**About this task**
Your answer should be a number only: the count of lines in the following entries that contain "IFCRELDEFINESBYTYPE".

**Exercise input**
###

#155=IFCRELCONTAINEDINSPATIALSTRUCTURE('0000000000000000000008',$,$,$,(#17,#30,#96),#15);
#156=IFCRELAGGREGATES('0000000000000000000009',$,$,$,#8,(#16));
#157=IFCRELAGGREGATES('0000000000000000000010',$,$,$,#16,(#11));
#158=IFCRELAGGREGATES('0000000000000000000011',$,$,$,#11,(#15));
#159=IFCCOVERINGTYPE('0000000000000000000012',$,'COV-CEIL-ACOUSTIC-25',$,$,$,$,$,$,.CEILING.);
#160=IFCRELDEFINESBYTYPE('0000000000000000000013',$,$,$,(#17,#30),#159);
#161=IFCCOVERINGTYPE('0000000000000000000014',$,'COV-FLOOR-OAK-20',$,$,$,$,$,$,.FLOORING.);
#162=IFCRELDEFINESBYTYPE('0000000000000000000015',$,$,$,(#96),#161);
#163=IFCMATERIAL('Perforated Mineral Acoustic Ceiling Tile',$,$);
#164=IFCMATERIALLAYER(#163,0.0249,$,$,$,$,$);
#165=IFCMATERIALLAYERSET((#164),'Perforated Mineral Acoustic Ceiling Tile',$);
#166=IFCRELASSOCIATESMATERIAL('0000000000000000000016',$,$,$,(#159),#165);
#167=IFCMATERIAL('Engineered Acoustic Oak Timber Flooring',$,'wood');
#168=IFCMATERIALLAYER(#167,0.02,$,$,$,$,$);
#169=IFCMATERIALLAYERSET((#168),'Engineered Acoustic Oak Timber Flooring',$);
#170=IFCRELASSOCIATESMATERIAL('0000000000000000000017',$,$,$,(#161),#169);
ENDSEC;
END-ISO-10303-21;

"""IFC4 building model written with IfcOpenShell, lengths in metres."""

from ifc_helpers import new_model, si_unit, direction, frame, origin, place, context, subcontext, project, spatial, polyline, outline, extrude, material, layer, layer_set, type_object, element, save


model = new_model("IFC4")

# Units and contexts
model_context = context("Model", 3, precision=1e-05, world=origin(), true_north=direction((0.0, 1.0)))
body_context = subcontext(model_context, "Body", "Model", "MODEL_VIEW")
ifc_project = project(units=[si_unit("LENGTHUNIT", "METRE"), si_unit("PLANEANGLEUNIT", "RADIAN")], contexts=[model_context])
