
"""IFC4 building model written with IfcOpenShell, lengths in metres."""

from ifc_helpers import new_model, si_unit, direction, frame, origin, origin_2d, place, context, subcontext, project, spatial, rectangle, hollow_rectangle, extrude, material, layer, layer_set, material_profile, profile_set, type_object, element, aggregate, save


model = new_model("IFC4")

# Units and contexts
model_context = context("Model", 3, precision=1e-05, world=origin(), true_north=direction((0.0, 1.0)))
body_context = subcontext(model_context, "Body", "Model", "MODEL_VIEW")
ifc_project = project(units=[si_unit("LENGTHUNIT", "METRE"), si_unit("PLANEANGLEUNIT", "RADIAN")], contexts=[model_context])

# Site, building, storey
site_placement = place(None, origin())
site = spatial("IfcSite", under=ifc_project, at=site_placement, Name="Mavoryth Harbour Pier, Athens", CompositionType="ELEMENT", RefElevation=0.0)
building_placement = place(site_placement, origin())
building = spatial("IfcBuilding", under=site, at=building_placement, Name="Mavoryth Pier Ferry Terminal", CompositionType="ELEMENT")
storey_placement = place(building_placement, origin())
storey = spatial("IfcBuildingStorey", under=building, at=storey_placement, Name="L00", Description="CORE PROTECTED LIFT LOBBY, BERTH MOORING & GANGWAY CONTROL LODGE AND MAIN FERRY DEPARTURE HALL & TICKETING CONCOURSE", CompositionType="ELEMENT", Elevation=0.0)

###

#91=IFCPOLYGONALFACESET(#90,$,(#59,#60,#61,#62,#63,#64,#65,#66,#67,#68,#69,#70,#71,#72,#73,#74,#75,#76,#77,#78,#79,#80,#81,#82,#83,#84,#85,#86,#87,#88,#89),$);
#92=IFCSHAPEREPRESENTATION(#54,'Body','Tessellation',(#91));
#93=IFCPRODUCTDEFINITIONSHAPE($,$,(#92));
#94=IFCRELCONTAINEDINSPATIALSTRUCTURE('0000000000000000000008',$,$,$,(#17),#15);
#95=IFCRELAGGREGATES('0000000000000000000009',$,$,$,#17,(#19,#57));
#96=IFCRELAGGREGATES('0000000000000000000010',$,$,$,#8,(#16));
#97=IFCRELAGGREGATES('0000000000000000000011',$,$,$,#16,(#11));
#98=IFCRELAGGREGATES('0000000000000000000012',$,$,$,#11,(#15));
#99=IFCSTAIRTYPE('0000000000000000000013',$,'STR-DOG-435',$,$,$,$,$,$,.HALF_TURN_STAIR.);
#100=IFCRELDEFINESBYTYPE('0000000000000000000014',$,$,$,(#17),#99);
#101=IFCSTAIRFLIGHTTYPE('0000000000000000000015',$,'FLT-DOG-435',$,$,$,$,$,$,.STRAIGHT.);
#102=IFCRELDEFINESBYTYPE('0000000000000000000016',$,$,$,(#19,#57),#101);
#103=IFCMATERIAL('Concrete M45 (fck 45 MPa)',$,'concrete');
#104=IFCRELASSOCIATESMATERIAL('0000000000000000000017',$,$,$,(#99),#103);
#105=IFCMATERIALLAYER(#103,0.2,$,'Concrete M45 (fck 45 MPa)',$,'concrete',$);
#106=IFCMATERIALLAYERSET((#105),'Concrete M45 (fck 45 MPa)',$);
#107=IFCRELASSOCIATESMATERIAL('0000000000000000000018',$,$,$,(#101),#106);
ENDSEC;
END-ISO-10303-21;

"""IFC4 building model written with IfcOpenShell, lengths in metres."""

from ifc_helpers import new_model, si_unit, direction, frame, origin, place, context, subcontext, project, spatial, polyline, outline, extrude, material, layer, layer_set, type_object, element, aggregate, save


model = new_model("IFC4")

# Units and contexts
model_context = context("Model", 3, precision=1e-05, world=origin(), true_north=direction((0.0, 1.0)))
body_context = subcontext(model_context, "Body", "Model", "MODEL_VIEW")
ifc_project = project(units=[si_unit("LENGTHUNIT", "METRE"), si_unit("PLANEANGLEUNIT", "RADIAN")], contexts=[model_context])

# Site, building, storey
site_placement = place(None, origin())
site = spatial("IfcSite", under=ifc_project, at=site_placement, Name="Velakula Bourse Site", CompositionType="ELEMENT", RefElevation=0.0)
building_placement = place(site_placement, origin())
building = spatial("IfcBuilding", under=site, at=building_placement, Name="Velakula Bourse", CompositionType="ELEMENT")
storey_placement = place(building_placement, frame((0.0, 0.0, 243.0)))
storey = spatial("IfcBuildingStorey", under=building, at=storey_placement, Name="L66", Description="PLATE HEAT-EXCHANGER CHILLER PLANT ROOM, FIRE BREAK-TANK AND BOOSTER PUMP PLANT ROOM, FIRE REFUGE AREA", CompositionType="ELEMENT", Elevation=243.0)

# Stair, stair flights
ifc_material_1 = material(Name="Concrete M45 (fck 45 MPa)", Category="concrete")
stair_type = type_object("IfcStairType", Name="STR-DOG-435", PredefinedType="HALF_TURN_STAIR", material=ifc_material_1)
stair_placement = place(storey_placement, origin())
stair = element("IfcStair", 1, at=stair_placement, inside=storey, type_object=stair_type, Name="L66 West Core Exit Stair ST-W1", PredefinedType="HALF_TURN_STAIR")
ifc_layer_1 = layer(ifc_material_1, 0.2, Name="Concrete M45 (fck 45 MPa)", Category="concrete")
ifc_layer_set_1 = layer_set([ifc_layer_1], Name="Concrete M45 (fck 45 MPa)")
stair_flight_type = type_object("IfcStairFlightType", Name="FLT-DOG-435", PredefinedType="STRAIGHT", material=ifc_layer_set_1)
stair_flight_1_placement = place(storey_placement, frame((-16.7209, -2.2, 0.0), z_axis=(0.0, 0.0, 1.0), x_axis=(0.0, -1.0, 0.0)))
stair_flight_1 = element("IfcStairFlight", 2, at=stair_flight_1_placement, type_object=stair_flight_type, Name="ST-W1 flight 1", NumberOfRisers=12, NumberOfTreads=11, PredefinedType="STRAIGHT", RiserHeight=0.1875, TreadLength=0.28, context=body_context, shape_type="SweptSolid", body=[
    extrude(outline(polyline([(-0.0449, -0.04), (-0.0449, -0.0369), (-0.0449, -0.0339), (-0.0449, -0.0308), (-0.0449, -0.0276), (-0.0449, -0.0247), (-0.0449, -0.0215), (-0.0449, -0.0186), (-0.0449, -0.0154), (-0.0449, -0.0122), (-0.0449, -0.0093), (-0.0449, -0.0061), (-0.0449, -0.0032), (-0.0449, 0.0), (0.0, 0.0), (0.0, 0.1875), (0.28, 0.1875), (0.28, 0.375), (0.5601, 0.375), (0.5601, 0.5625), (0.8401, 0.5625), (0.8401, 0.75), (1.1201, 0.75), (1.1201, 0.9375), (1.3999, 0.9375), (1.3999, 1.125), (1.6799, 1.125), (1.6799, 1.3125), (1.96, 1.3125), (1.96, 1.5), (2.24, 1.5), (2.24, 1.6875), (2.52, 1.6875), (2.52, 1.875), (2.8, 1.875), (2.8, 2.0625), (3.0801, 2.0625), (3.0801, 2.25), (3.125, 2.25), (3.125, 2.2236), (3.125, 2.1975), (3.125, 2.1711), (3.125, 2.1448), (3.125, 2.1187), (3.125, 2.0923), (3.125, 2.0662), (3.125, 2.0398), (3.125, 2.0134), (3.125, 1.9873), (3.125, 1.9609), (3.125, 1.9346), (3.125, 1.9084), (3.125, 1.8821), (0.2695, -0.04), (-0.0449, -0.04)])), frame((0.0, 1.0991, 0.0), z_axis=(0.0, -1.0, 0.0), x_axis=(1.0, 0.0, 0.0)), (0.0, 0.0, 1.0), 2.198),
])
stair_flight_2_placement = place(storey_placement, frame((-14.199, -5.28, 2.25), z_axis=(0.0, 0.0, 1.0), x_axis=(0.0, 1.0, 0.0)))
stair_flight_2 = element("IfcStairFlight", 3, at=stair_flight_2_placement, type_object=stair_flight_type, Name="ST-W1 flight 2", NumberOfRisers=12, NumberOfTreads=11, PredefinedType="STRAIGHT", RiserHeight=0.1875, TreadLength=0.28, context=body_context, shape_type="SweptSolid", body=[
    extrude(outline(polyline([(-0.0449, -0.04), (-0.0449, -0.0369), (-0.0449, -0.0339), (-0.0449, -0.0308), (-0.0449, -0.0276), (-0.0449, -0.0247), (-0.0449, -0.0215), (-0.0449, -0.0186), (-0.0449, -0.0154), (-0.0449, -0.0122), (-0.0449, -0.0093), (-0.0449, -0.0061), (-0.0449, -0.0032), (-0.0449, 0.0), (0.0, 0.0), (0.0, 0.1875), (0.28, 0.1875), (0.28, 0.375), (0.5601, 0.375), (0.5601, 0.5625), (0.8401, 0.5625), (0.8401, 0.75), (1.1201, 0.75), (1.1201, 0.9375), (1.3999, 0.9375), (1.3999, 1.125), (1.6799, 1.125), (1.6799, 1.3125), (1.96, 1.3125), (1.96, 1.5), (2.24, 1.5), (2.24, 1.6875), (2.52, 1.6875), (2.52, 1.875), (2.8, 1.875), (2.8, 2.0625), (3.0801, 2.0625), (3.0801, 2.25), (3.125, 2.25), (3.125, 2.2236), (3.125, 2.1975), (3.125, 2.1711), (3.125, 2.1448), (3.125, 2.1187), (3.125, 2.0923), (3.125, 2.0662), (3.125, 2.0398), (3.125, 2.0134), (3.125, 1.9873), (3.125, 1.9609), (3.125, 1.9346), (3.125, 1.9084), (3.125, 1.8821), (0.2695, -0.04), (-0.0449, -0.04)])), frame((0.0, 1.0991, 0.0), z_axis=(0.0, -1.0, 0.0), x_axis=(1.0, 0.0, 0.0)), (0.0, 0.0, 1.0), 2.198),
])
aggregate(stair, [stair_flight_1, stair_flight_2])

###

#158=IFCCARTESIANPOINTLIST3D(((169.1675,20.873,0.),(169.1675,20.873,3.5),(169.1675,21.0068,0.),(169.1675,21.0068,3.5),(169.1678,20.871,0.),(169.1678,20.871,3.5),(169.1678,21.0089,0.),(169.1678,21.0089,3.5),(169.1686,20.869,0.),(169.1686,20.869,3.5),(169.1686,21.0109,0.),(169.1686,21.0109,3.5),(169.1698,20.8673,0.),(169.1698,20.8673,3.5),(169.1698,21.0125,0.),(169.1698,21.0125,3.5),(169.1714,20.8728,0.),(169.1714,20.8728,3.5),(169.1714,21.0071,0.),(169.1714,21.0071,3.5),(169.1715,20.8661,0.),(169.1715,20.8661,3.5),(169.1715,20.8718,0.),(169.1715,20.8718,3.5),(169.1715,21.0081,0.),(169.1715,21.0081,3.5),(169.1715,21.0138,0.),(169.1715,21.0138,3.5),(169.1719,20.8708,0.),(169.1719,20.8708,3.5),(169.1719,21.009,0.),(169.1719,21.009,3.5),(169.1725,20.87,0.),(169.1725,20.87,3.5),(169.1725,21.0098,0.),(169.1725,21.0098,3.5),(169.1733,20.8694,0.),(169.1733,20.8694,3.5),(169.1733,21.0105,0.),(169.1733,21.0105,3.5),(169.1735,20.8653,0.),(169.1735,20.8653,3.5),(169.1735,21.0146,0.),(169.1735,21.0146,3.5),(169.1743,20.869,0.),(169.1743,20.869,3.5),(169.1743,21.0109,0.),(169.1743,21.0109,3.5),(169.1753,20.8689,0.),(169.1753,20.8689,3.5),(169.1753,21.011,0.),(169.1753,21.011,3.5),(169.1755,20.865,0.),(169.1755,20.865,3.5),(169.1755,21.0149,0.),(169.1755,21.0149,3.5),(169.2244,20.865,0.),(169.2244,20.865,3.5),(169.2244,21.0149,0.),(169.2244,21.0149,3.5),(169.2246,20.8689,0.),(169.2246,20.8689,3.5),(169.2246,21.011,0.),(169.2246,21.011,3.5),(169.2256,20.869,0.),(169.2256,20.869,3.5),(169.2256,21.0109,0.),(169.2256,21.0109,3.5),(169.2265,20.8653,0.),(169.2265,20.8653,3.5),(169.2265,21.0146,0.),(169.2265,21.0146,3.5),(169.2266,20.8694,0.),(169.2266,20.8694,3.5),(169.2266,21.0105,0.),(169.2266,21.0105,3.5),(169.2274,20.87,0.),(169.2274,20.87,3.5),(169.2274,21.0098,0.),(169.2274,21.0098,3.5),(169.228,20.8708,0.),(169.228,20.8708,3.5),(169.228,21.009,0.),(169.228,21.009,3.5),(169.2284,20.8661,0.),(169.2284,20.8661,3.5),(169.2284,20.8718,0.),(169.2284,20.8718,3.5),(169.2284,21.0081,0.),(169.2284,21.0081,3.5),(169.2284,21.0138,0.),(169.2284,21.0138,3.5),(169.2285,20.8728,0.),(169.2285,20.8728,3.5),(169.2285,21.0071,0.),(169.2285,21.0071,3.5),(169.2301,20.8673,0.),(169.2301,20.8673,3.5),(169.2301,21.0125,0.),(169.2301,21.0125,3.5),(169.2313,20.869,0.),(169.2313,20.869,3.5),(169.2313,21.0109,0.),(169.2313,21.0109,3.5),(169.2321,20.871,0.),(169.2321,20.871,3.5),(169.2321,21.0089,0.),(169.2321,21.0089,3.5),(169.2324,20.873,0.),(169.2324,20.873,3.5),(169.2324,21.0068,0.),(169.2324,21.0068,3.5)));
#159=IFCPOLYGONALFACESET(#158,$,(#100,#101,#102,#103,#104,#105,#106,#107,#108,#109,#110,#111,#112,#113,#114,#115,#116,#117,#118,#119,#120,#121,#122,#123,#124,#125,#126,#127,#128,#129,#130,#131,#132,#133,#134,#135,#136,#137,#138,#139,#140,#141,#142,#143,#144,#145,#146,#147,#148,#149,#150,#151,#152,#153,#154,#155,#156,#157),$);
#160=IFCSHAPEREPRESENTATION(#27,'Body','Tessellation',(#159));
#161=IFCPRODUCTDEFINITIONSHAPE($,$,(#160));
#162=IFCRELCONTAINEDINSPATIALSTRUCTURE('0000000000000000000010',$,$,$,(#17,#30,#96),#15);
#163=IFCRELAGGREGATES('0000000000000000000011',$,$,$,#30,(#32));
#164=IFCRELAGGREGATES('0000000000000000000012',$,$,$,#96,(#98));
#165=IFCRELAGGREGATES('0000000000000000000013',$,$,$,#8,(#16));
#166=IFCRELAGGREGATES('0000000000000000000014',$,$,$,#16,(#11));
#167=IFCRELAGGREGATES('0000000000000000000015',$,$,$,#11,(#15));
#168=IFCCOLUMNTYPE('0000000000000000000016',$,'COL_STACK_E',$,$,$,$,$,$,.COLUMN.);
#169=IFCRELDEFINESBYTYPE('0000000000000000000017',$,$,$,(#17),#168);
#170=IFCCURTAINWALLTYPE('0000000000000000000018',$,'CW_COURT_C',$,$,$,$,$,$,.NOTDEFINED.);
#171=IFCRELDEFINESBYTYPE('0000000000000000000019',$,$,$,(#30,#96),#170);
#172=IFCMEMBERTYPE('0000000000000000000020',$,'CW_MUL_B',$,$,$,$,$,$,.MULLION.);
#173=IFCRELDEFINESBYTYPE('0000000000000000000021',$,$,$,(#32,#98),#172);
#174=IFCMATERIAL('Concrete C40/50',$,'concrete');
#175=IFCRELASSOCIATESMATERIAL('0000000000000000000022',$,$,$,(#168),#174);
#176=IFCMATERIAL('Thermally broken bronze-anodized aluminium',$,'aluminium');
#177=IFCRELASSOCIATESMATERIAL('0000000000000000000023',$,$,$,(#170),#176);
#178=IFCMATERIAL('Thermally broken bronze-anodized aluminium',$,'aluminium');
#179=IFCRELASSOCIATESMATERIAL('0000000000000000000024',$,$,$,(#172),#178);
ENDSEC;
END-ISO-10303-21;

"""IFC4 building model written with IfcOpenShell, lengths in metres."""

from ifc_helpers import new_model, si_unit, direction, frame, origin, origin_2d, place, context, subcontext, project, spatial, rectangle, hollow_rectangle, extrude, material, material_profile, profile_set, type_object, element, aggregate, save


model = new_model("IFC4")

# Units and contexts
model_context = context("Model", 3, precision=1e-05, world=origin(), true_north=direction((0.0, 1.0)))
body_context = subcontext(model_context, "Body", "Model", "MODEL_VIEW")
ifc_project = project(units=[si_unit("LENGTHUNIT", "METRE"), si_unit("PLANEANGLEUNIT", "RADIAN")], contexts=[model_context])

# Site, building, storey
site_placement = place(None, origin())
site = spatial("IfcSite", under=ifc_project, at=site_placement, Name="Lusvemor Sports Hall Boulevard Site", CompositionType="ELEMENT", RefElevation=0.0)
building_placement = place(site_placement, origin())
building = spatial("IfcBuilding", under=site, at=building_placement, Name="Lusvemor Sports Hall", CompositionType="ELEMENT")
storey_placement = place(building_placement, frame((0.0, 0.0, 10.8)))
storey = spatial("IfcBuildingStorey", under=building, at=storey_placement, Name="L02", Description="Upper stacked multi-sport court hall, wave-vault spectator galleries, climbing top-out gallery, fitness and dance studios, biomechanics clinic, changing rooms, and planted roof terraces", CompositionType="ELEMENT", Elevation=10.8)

###

**Exercise solution**
7